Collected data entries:
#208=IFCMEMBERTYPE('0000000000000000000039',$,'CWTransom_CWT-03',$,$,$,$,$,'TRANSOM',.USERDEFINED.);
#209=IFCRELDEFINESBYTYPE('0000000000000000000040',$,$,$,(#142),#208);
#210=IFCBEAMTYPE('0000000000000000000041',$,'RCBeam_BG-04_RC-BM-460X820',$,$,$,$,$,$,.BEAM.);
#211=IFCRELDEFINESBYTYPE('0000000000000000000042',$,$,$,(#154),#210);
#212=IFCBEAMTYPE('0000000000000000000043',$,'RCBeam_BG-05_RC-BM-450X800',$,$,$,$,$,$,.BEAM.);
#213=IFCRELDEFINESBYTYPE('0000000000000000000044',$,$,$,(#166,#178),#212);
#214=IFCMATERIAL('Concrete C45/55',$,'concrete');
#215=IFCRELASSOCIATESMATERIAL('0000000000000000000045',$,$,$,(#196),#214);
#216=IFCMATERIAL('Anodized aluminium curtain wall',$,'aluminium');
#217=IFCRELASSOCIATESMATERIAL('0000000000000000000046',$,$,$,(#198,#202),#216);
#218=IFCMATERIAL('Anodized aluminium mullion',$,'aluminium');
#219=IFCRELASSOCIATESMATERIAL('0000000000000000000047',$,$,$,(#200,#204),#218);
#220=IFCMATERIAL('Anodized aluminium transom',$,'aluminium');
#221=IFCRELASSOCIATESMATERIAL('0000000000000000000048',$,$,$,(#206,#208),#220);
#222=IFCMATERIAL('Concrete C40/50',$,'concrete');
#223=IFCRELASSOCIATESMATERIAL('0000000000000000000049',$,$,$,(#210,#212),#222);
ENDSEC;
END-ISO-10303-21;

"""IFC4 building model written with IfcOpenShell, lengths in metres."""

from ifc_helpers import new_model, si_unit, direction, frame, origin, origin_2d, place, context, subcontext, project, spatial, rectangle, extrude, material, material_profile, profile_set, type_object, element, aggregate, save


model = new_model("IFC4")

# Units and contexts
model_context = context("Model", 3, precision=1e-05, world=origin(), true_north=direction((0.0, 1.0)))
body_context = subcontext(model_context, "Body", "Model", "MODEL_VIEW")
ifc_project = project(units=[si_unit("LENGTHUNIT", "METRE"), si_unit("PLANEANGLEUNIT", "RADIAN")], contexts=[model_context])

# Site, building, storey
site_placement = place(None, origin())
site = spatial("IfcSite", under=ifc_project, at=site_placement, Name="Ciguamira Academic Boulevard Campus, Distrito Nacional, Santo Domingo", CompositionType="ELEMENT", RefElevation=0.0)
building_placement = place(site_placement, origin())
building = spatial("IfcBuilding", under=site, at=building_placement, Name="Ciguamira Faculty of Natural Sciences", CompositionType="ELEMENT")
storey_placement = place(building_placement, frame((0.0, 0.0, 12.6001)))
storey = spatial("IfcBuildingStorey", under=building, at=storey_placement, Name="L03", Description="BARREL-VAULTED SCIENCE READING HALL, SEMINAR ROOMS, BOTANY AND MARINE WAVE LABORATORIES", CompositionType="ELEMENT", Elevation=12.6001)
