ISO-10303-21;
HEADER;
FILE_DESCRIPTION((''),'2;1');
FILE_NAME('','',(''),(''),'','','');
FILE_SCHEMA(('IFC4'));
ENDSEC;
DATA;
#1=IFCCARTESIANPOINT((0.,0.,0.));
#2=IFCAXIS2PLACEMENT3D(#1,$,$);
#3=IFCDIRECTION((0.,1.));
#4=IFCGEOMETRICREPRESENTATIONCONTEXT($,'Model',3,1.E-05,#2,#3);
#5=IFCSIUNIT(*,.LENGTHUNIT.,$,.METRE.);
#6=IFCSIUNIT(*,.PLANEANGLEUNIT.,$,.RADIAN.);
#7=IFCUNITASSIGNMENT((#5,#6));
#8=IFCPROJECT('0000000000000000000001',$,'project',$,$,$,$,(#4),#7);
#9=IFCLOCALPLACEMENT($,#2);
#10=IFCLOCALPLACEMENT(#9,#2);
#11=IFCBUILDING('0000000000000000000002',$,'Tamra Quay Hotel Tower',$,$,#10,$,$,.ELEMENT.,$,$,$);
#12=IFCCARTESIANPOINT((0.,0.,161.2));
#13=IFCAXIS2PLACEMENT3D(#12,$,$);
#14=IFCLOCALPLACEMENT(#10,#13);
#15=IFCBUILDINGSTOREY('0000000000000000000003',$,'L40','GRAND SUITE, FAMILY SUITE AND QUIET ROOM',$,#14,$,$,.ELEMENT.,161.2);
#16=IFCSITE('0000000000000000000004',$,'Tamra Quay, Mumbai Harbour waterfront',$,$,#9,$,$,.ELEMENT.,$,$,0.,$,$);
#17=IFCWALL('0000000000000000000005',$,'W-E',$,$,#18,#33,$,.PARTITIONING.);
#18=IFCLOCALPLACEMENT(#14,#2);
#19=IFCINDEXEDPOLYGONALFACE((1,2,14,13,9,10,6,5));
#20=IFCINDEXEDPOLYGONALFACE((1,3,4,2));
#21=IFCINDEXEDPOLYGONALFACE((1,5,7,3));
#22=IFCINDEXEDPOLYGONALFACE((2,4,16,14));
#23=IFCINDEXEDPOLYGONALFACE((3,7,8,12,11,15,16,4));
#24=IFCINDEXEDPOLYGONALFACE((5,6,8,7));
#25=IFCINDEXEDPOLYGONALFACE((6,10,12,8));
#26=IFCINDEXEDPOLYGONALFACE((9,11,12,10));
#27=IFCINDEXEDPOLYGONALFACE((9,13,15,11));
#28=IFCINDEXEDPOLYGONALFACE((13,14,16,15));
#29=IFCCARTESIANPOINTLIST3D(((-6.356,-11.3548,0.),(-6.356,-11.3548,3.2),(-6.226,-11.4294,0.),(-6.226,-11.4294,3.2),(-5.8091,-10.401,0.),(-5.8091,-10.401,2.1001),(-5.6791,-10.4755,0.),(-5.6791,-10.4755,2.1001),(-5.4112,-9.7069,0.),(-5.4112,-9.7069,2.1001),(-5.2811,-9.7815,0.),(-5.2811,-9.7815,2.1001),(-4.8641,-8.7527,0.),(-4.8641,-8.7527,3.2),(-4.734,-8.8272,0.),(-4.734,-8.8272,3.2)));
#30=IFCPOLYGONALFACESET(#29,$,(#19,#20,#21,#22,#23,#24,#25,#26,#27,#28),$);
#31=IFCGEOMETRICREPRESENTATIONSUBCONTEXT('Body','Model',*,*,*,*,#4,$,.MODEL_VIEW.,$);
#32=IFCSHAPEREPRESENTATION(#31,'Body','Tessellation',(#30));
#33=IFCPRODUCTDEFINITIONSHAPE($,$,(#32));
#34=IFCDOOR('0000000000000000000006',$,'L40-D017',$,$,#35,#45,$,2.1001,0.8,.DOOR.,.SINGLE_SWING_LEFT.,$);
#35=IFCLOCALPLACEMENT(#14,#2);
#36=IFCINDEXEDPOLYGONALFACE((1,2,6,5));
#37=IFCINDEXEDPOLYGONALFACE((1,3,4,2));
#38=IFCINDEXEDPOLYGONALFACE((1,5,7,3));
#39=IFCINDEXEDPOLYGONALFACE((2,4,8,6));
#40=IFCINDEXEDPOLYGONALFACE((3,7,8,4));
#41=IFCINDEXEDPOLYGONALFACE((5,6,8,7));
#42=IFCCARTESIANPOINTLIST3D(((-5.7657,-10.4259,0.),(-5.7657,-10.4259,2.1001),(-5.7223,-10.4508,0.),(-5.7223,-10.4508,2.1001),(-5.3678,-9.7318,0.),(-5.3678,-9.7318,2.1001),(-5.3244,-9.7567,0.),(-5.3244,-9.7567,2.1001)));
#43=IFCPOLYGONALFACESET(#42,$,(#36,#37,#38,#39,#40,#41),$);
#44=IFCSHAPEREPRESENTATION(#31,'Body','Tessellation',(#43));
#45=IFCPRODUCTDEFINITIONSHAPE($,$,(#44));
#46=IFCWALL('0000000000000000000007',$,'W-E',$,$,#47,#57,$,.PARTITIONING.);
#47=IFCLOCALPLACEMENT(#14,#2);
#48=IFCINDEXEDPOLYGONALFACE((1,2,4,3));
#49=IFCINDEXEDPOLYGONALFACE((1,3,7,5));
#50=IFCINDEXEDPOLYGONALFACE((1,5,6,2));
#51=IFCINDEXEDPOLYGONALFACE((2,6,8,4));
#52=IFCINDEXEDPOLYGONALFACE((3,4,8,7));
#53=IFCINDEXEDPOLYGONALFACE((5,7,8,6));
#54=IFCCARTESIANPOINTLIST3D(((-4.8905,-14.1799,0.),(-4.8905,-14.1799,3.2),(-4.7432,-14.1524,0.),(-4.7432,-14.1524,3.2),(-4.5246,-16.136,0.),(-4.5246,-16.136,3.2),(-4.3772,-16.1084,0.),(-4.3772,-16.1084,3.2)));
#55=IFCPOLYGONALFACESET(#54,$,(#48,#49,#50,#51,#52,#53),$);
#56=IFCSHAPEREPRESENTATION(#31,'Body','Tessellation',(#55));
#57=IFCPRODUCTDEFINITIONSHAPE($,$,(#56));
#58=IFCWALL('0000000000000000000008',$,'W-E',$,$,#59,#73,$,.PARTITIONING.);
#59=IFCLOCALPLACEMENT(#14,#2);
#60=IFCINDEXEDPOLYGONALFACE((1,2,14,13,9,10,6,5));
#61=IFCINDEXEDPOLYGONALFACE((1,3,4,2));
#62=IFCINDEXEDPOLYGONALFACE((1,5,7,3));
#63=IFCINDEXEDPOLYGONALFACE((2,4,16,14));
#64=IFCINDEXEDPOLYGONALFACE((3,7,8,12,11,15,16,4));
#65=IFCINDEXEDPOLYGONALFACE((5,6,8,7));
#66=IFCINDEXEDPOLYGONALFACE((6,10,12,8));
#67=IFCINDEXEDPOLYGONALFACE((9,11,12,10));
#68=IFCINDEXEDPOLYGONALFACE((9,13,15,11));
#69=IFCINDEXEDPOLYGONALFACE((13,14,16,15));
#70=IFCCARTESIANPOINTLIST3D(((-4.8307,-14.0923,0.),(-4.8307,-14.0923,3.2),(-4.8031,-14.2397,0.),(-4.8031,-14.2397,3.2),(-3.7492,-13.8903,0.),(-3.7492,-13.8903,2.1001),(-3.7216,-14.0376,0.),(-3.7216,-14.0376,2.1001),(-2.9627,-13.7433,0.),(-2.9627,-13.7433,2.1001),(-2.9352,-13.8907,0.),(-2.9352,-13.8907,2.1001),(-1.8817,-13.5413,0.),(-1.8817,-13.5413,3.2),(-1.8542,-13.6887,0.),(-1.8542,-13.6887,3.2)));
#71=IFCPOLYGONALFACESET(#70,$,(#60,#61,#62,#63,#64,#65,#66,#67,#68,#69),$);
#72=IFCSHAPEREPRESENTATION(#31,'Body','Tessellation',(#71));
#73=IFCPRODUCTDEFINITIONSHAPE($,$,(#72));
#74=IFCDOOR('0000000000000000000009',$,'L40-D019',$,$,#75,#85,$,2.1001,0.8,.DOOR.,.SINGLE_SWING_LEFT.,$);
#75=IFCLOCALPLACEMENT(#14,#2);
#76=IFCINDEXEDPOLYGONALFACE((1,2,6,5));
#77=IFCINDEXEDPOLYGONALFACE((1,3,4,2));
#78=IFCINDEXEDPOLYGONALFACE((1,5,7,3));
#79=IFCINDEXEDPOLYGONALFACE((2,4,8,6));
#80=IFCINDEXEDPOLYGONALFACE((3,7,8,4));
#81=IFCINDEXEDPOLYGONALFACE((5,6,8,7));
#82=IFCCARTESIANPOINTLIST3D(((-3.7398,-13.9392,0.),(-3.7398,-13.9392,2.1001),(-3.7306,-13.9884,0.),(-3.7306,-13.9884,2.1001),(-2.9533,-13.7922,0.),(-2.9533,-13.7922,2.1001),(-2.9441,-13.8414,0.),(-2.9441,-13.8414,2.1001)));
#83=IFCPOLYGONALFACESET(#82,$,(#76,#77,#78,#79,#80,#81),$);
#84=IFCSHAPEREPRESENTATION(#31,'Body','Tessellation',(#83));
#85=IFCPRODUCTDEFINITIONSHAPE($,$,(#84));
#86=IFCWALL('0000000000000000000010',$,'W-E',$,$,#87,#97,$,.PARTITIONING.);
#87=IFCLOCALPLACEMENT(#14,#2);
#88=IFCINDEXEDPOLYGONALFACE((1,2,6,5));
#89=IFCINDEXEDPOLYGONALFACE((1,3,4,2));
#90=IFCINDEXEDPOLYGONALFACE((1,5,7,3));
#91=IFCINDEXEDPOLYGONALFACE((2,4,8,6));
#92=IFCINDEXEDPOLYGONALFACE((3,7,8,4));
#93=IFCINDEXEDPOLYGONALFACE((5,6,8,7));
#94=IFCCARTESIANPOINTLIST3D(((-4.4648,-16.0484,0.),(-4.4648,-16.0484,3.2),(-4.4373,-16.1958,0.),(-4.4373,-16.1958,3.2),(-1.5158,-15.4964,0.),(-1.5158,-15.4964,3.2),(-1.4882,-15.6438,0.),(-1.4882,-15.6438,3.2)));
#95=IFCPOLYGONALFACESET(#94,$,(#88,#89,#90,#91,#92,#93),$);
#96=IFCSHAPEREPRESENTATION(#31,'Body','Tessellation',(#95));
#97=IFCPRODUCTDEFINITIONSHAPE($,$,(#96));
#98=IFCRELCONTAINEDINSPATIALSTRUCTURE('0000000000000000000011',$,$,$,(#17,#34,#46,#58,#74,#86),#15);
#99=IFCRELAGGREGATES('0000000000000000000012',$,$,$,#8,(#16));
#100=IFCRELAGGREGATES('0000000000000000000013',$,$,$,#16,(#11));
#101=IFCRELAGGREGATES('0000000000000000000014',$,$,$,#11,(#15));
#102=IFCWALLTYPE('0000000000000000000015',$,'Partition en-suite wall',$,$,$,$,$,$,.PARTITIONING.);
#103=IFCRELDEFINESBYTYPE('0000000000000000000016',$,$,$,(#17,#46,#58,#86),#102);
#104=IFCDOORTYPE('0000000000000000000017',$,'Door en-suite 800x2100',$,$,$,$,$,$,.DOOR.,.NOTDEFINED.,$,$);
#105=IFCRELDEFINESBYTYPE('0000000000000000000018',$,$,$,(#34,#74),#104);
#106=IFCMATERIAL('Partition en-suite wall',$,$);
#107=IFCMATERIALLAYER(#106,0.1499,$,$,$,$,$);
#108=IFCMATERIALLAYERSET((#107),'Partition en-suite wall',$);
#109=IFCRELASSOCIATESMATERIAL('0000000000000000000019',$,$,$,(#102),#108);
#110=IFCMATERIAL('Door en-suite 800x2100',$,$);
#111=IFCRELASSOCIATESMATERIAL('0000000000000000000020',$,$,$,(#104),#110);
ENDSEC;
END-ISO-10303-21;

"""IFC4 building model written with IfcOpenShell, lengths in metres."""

from ifc_helpers import new_model, si_unit, direction, frame, frame_2d, origin, place, context, subcontext, project, spatial, rectangle, extrude, material, layer, layer_set, type_object, element, fill, save


model = new_model("IFC4")

# Units and contexts
model_context = context("Model", 3, precision=1e-05, world=origin(), true_north=direction((0.0, 1.0)))
body_context = subcontext(model_context, "Body", "Model", "MODEL_VIEW")
ifc_project = project(units=[si_unit("LENGTHUNIT", "METRE"), si_unit("PLANEANGLEUNIT", "RADIAN")], contexts=[model_context])

# Site, building, storey
site_placement = place(None, origin())
site = spatial("IfcSite", under=ifc_project, at=site_placement, Name="Tamra Quay, Mumbai Harbour waterfront", CompositionType="ELEMENT", RefElevation=0.0)
building_placement = place(site_placement, origin())
building = spatial("IfcBuilding", under=site, at=building_placement, Name="Tamra Quay Hotel Tower", CompositionType="ELEMENT")
storey_placement = place(building_placement, frame((0.0, 0.0, 161.2)))
storey = spatial("IfcBuildingStorey", under=building, at=storey_placement, Name="L40", Description="GRAND SUITE, FAMILY SUITE AND QUIET ROOM", CompositionType="ELEMENT", Elevation=161.2)

# Shared definitions
ifc_material_1 = material(Name="Partition en-suite wall")
ifc_layer_1 = layer(ifc_material_1, 0.1499)
ifc_layer_set_1 = layer_set([ifc_layer_1], Name="Partition en-suite wall")
wall_type_1 = type_object("IfcWallType", Name="Partition en-suite wall", PredefinedType="PARTITIONING", material=ifc_layer_set_1)
ifc_material_2 = material(Name="Door en-suite 800x2100")
door_type_1 = type_object("IfcDoorType", Name="Door en-suite 800x2100", OperationType="NOTDEFINED", PredefinedType="DOOR", material=ifc_material_2)

# Wall, opening, door
wall_1_placement = place(storey_placement, frame((-6.291, -11.3921, 0.0), z_axis=(0.0, 0.0, 1.0), x_axis=(0.497409, 0.867516, 0.0)))
wall_1 = element("IfcWall", 1, at=wall_1_placement, inside=storey, type_object=wall_type_1, Name="W-E", PredefinedType="PARTITIONING", context=body_context, shape_type="SweptSolid", body=[
    extrude(rectangle(XDim=2.9995, YDim=0.1499, at=frame_2d((1.4998, 0.0))), origin(), (0.0, 0.0, 1.0), 3.2),
])
opening_1_placement = place(wall_1_placement, frame((1.0996, 0.0, 0.0)))
opening_1 = element("IfcOpeningElement", 2, at=opening_1_placement, cuts=wall_1, PredefinedType="OPENING", context=body_context, shape_type="SweptSolid", body=[
    extrude(rectangle(XDim=0.8, YDim=2.1001, at=frame_2d((0.3999, 1.05))), frame((0.0, 0.085, 0.0), z_axis=(0.0, -1.0, 0.0), x_axis=(1.0, 0.0, 0.0)), (0.0, 0.0, 1.0), 0.1699),
])
door_1_placement = place(opening_1_placement, origin())
door_1 = element("IfcDoor", 3, at=door_1_placement, inside=storey, type_object=door_type_1, Name="L40-D017", OperationType="SINGLE_SWING_LEFT", OverallHeight=2.1001, OverallWidth=0.8, PredefinedType="DOOR", context=body_context, shape_type="SweptSolid", body=[
    extrude(rectangle(XDim=0.8, YDim=2.1001, at=frame_2d((0.3999, 1.05))), frame((0.0, 0.0249, 0.0), z_axis=(0.0, -1.0, 0.0), x_axis=(1.0, 0.0, 0.0)), (0.0, 0.0, 1.0), 0.05),
])
fill(opening_1, door_1)

# Wall
wall_2_placement = place(storey_placement, frame((-4.8169, -14.166, 0.0), z_axis=(0.0, 0.0, 1.0), x_axis=(0.183903, -0.982944, 0.0)))
element("IfcWall", 4, at=wall_2_placement, inside=storey, type_object=wall_type_1, Name="W-E", PredefinedType="PARTITIONING", context=body_context, shape_type="SweptSolid", body=[
    extrude(rectangle(XDim=1.99, YDim=0.1499, at=frame_2d((0.9951, 0.0))), origin(), (0.0, 0.0, 1.0), 3.2),
])

# Wall, opening, door
wall_3_placement = place(storey_placement, frame((-4.8169, -14.166, 0.0), z_axis=(0.0, 0.0, 1.0), x_axis=(0.982987, 0.183674, 0.0)))
wall_3 = element("IfcWall", 5, at=wall_3_placement, inside=storey, type_object=wall_type_1, Name="W-E", PredefinedType="PARTITIONING", context=body_context, shape_type="SweptSolid", body=[
    extrude(rectangle(XDim=3.0, YDim=0.1499, at=frame_2d((1.5, 0.0))), origin(), (0.0, 0.0, 1.0), 3.2),
])
opening_2_placement = place(wall_3_placement, frame((1.1003, 0.0, 0.0)))
opening_2 = element("IfcOpeningElement", 6, at=opening_2_placement, cuts=wall_3, PredefinedType="OPENING", context=body_context, shape_type="SweptSolid", body=[
    extrude(rectangle(XDim=0.8, YDim=2.1001, at=frame_2d((0.3999, 1.05))), frame((0.0, 0.085, 0.0), z_axis=(0.0, -1.0, 0.0), x_axis=(1.0, 0.0, 0.0)), (0.0, 0.0, 1.0), 0.1699),
])
door_2_placement = place(opening_2_placement, frame((0.8, 0.0, 0.0), z_axis=(0.0, 0.0, 1.0), x_axis=(-1.0, 0.0, 0.0)))
door_2 = element("IfcDoor", 7, at=door_2_placement, inside=storey, type_object=door_type_1, Name="L40-D019", OperationType="SINGLE_SWING_LEFT", OverallHeight=2.1001, OverallWidth=0.8, PredefinedType="DOOR", context=body_context, shape_type="SweptSolid", body=[
    extrude(rectangle(XDim=0.8, YDim=2.1001, at=frame_2d((0.3999, 1.05))), frame((0.0, 0.0249, 0.0), z_axis=(0.0, -1.0, 0.0), x_axis=(1.0, 0.0, 0.0)), (0.0, 0.0, 1.0), 0.05),
])
fill(opening_2, door_2)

WORK TO COMPLETE
Print, from the entries above, the line with "#51=IFCINDEXEDPOLYGONALFACE((2,6,8,4));", the line with "#53=IFCINDEXEDPOLYGONALFACE((5,7,8,6));" and all lines between them, exactly and with nothing else.

SOLUTION TO THIS EXERCISE
#51=IFCINDEXEDPOLYGONALFACE((2,6,8,4));
#52=IFCINDEXEDPOLYGONALFACE((3,4,8,7));
#53=IFCINDEXEDPOLYGONALFACE((5,7,8,6));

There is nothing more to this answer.